Material for this task below:

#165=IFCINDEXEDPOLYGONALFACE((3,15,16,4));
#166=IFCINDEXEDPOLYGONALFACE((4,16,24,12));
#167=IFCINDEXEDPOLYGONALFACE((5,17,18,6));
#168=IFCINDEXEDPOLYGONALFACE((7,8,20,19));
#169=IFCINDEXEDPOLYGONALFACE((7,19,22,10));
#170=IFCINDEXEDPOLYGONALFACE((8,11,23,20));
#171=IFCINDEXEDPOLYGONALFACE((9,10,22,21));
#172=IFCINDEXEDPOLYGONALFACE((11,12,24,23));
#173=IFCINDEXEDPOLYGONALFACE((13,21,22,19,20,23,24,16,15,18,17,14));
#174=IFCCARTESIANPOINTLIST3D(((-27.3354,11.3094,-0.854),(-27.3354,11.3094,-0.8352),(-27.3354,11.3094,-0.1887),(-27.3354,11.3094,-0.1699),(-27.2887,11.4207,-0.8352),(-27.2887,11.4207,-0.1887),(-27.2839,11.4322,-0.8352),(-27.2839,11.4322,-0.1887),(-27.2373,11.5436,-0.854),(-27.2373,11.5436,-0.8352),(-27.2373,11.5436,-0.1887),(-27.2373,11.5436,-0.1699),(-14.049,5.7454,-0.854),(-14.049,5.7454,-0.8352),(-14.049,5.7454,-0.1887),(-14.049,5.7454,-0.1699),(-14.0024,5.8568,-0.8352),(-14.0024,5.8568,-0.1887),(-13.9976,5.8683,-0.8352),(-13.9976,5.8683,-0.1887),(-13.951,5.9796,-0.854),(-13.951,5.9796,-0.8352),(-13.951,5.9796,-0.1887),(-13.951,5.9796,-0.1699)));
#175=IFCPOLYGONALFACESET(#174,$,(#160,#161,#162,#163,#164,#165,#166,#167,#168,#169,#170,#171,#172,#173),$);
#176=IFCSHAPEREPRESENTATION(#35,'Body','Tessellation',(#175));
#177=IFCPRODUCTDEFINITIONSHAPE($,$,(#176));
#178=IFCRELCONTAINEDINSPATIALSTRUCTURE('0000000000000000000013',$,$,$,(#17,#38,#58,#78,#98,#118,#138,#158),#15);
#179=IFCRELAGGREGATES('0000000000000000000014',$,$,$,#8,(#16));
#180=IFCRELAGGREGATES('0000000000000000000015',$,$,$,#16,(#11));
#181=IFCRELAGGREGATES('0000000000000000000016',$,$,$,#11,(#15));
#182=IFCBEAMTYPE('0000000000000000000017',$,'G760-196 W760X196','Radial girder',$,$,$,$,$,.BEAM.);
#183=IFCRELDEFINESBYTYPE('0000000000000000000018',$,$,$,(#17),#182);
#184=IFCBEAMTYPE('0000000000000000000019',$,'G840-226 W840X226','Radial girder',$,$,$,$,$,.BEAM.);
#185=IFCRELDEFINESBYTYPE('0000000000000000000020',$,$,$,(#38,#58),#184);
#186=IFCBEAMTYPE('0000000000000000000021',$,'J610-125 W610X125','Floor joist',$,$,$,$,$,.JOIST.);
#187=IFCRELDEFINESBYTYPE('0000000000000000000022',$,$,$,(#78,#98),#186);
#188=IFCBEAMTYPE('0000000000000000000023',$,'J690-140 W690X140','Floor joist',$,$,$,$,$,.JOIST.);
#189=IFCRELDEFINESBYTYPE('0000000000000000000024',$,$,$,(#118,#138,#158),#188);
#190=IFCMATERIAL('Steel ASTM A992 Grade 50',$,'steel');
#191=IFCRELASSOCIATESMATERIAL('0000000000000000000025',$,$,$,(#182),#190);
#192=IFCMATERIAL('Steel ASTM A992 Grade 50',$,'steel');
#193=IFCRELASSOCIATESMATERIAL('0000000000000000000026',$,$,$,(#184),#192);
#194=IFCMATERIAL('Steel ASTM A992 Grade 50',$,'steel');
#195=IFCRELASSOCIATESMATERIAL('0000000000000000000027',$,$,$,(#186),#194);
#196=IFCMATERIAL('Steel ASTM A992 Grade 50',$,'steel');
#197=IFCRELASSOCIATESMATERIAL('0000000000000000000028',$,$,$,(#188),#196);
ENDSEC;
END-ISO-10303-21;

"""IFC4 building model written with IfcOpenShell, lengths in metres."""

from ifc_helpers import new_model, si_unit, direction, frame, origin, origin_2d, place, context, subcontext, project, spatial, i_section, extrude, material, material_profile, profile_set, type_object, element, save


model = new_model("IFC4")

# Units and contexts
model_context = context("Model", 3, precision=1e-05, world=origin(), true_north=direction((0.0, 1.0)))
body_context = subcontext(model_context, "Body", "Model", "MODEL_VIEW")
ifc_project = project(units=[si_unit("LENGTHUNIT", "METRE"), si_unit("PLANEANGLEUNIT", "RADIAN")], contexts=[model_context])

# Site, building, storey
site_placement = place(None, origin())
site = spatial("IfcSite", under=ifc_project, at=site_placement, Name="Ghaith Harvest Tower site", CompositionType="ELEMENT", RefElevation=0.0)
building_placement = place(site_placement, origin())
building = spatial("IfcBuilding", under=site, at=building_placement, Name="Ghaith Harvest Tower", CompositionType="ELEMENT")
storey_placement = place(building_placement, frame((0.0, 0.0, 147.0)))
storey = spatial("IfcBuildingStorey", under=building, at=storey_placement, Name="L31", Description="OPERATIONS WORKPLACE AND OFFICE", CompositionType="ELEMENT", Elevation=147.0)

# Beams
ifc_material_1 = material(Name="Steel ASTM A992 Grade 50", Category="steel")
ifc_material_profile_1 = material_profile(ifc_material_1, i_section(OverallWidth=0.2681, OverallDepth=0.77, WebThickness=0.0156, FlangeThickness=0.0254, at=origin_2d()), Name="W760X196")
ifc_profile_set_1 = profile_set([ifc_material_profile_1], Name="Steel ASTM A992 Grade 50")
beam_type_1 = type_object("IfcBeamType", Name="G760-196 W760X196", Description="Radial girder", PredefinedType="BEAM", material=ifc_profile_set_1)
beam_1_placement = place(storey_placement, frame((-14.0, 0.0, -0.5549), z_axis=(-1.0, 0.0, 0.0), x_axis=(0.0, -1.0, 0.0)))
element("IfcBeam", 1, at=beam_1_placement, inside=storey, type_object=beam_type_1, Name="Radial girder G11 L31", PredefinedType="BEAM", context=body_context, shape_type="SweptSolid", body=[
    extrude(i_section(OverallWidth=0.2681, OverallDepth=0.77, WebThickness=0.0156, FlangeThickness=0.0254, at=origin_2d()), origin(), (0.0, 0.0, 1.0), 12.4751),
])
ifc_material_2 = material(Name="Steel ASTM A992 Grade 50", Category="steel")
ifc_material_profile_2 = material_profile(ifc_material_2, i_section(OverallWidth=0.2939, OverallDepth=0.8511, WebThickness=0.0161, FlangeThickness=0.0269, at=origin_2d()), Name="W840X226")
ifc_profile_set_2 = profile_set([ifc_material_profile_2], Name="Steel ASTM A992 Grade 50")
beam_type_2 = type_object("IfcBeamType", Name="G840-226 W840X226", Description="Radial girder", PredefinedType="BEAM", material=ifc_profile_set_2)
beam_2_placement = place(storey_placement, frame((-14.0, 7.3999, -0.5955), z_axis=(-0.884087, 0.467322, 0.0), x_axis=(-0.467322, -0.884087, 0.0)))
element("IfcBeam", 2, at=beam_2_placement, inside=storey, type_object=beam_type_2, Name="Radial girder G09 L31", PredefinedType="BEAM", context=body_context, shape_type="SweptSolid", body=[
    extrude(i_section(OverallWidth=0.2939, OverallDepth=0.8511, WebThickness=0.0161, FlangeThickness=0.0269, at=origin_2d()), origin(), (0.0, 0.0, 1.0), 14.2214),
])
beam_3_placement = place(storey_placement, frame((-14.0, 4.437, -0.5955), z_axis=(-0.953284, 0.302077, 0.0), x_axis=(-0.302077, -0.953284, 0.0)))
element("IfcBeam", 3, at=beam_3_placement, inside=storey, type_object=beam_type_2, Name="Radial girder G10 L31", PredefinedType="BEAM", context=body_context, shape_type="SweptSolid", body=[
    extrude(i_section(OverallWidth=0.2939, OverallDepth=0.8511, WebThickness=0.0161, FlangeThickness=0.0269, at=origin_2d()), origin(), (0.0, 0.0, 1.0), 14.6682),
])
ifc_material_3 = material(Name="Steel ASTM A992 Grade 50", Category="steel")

End of Material for this task.

Nothing but a number should be given: how many lines in the listing hold the word "subcontext".

Problem solution:
2